[Material supplied]:
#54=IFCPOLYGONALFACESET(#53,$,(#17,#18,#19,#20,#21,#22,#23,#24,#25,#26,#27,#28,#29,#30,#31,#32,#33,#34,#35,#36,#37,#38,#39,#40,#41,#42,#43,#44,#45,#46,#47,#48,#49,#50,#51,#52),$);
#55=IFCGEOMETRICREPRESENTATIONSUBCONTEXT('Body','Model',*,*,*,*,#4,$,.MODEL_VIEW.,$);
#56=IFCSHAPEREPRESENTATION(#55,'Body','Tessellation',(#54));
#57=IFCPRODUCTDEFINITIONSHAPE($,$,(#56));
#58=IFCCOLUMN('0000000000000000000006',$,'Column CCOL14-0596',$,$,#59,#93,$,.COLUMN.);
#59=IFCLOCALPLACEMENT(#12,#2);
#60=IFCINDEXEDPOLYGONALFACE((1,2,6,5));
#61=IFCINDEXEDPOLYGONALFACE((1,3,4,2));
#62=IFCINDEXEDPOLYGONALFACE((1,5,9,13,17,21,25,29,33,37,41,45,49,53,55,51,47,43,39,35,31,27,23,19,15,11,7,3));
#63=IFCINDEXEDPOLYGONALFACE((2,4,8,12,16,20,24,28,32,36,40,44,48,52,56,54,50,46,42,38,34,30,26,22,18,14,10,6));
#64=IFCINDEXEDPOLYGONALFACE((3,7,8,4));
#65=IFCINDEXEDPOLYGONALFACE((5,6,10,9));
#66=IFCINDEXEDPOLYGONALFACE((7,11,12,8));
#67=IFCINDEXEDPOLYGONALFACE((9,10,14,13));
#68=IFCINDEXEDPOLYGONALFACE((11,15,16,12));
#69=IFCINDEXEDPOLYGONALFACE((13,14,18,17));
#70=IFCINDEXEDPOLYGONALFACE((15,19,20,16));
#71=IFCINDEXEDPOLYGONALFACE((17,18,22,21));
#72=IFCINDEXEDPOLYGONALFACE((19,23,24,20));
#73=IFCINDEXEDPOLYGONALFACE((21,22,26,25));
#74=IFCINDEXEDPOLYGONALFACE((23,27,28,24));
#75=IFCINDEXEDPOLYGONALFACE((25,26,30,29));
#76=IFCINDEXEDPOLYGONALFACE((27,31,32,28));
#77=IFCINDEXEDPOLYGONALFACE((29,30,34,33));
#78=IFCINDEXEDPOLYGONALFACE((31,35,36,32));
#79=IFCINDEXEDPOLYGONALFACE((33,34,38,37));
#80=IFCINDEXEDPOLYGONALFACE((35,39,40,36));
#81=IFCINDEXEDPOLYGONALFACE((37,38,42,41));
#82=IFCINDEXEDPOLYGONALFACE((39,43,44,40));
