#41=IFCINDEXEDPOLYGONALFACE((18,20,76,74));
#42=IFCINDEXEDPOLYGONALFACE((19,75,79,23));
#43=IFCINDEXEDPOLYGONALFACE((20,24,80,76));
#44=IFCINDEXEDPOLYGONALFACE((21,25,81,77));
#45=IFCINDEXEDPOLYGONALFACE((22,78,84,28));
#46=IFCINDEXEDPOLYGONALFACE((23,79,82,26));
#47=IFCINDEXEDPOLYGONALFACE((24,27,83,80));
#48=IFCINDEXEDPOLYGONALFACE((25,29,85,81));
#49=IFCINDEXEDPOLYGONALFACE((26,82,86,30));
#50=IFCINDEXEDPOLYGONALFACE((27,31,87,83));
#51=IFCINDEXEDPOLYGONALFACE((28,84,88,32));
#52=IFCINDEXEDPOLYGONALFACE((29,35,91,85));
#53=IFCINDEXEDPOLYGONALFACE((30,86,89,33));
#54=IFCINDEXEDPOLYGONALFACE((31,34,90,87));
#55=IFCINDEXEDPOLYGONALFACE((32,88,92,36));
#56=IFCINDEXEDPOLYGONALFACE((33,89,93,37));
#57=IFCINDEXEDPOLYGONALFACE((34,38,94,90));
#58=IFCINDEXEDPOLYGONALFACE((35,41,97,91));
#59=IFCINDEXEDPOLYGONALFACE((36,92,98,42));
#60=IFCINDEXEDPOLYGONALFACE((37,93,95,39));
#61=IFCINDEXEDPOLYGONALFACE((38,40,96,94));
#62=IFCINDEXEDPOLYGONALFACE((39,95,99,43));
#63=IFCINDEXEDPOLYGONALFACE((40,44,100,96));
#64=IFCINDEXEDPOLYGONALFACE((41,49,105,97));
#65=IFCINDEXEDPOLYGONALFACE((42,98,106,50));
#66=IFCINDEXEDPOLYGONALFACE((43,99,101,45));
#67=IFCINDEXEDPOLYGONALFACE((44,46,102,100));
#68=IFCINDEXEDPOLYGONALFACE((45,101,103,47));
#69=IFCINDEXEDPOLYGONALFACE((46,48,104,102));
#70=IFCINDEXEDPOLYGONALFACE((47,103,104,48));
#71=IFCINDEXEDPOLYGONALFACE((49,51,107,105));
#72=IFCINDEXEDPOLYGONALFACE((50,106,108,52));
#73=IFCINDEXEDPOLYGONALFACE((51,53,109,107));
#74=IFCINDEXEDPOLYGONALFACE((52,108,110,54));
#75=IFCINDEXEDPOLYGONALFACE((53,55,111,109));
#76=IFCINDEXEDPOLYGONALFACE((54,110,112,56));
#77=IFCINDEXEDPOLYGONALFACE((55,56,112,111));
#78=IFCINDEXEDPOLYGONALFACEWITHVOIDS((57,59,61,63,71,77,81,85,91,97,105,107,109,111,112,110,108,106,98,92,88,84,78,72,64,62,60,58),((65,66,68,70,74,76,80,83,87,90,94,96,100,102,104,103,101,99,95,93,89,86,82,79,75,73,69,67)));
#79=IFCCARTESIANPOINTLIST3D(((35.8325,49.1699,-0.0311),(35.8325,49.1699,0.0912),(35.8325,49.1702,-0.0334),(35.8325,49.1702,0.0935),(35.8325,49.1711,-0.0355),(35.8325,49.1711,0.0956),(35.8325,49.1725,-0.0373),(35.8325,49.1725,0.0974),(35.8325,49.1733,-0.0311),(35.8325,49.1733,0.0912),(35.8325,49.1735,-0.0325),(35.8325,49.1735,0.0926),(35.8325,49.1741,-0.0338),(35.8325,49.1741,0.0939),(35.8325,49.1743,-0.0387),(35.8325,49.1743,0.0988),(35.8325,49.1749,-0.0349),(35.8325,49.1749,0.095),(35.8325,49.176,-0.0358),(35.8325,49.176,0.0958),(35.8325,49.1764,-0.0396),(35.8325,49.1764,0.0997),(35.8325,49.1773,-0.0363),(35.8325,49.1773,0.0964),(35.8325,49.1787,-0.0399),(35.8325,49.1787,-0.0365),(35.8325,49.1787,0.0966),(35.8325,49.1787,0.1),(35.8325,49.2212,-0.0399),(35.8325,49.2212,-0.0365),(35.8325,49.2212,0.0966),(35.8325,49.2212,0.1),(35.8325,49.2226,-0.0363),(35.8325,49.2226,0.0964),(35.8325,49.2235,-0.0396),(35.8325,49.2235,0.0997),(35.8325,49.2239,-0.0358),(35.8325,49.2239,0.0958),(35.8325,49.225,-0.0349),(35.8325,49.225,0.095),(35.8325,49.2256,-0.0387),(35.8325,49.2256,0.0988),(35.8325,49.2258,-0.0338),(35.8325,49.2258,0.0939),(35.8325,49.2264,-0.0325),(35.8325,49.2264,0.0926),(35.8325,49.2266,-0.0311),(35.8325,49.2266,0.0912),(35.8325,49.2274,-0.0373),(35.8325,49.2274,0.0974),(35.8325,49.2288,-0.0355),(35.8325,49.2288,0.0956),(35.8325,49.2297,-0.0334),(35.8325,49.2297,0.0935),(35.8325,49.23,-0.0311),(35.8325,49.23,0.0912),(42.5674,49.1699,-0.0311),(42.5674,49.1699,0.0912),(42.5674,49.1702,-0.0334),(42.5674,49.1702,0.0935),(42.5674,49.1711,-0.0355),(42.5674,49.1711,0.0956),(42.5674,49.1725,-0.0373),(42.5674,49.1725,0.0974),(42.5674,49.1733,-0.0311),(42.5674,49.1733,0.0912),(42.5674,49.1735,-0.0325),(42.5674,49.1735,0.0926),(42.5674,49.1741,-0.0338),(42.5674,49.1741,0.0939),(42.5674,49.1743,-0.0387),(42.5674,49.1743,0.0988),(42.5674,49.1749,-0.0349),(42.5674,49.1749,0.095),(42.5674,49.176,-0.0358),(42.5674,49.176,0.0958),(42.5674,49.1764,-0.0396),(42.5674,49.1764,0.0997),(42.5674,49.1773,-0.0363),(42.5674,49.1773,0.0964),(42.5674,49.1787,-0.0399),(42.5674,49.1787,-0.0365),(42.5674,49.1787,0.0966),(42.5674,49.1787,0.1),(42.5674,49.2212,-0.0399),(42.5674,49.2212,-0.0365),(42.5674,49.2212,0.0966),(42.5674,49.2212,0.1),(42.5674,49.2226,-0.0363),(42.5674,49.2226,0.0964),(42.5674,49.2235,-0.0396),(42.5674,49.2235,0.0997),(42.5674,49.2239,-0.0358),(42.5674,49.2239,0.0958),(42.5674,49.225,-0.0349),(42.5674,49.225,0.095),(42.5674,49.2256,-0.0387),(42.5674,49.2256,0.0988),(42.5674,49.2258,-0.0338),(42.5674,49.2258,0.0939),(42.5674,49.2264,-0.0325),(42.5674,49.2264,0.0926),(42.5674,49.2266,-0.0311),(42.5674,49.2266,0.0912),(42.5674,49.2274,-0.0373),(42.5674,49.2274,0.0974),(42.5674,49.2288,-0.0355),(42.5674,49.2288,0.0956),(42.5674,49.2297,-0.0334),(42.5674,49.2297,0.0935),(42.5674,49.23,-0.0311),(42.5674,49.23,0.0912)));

[What this task involves]: From the data above, reproduce word for word the lines running from the line with "#42=IFCINDEXEDPOLYGONALFACE((19,75,79,23));" to the line with "#72=IFCINDEXEDPOLYGONALFACE((50,106,108,52));", ends included.

[Finished exercise]:
#42=IFCINDEXEDPOLYGONALFACE((19,75,79,23));
#43=IFCINDEXEDPOLYGONALFACE((20,24,80,76));
#44=IFCINDEXEDPOLYGONALFACE((21,25,81,77));
#45=IFCINDEXEDPOLYGONALFACE((22,78,84,28));
#46=IFCINDEXEDPOLYGONALFACE((23,79,82,26));
#47=IFCINDEXEDPOLYGONALFACE((24,27,83,80));
#48=IFCINDEXEDPOLYGONALFACE((25,29,85,81));
#49=IFCINDEXEDPOLYGONALFACE((26,82,86,30));
#50=IFCINDEXEDPOLYGONALFACE((27,31,87,83));
#51=IFCINDEXEDPOLYGONALFACE((28,84,88,32));
#52=IFCINDEXEDPOLYGONALFACE((29,35,91,85));
#53=IFCINDEXEDPOLYGONALFACE((30,86,89,33));
#54=IFCINDEXEDPOLYGONALFACE((31,34,90,87));
#55=IFCINDEXEDPOLYGONALFACE((32,88,92,36));
#56=IFCINDEXEDPOLYGONALFACE((33,89,93,37));
#57=IFCINDEXEDPOLYGONALFACE((34,38,94,90));
#58=IFCINDEXEDPOLYGONALFACE((35,41,97,91));
#59=IFCINDEXEDPOLYGONALFACE((36,92,98,42));
#60=IFCINDEXEDPOLYGONALFACE((37,93,95,39));
#61=IFCINDEXEDPOLYGONALFACE((38,40,96,94));
#62=IFCINDEXEDPOLYGONALFACE((39,95,99,43));
#63=IFCINDEXEDPOLYGONALFACE((40,44,100,96));
#64=IFCINDEXEDPOLYGONALFACE((41,49,105,97));
#65=IFCINDEXEDPOLYGONALFACE((42,98,106,50));
#66=IFCINDEXEDPOLYGONALFACE((43,99,101,45));
#67=IFCINDEXEDPOLYGONALFACE((44,46,102,100));
#68=IFCINDEXEDPOLYGONALFACE((45,101,103,47));
#69=IFCINDEXEDPOLYGONALFACE((46,48,104,102));
#70=IFCINDEXEDPOLYGONALFACE((47,103,104,48));
#71=IFCINDEXEDPOLYGONALFACE((49,51,107,105));
#72=IFCINDEXEDPOLYGONALFACE((50,106,108,52));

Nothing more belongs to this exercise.